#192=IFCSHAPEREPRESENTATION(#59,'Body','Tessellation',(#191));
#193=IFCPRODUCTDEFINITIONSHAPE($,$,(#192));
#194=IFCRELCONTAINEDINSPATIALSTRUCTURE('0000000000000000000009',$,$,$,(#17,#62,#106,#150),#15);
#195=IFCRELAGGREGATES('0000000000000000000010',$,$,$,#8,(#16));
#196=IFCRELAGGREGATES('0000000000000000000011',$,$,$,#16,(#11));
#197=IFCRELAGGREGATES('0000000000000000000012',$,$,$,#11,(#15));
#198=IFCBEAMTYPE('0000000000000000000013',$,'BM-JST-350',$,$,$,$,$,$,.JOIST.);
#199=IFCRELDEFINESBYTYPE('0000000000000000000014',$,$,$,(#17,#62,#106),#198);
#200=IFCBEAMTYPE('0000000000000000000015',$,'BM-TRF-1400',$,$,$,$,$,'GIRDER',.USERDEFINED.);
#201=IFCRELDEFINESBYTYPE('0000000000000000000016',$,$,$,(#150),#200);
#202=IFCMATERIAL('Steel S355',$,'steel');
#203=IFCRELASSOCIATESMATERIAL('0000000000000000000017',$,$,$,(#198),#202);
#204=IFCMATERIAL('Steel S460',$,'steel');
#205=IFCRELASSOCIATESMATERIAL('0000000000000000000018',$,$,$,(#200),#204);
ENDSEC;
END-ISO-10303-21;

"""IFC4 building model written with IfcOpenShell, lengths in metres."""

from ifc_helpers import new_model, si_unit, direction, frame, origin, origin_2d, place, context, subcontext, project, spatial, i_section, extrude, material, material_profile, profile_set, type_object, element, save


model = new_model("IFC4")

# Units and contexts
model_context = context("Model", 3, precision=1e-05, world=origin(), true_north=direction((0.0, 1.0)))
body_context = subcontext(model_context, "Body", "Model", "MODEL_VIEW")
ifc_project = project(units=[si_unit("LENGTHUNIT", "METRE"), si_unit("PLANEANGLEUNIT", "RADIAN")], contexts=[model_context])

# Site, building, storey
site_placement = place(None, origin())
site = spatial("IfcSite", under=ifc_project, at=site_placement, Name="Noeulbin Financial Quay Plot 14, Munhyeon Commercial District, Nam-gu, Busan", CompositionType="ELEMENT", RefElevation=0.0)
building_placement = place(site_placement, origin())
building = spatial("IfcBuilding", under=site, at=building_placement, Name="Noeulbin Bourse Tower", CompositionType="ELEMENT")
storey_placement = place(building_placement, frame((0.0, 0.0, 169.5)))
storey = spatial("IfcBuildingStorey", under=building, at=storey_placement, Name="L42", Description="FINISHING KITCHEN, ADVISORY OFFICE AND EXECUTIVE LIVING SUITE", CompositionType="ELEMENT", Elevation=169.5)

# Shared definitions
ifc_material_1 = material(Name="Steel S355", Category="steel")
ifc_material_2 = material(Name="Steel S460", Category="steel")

* What to work on
Look above for the line with "#193=IFCPRODUCTDEFINITIONSHAPE($,$,(#192));" and the line with "#196=IFCRELAGGREGATES('0000000000000000000011',$,$,$,#16,(#11));". Write out those two lines and all the lines between them, exactly, and no others.

* Response box
#193=IFCPRODUCTDEFINITIONSHAPE($,$,(#192));
#194=IFCRELCONTAINEDINSPATIALSTRUCTURE('0000000000000000000009',$,$,$,(#17,#62,#106,#150),#15);
#195=IFCRELAGGREGATES('0000000000000000000010',$,$,$,#8,(#16));
#196=IFCRELAGGREGATES('0000000000000000000011',$,$,$,#16,(#11));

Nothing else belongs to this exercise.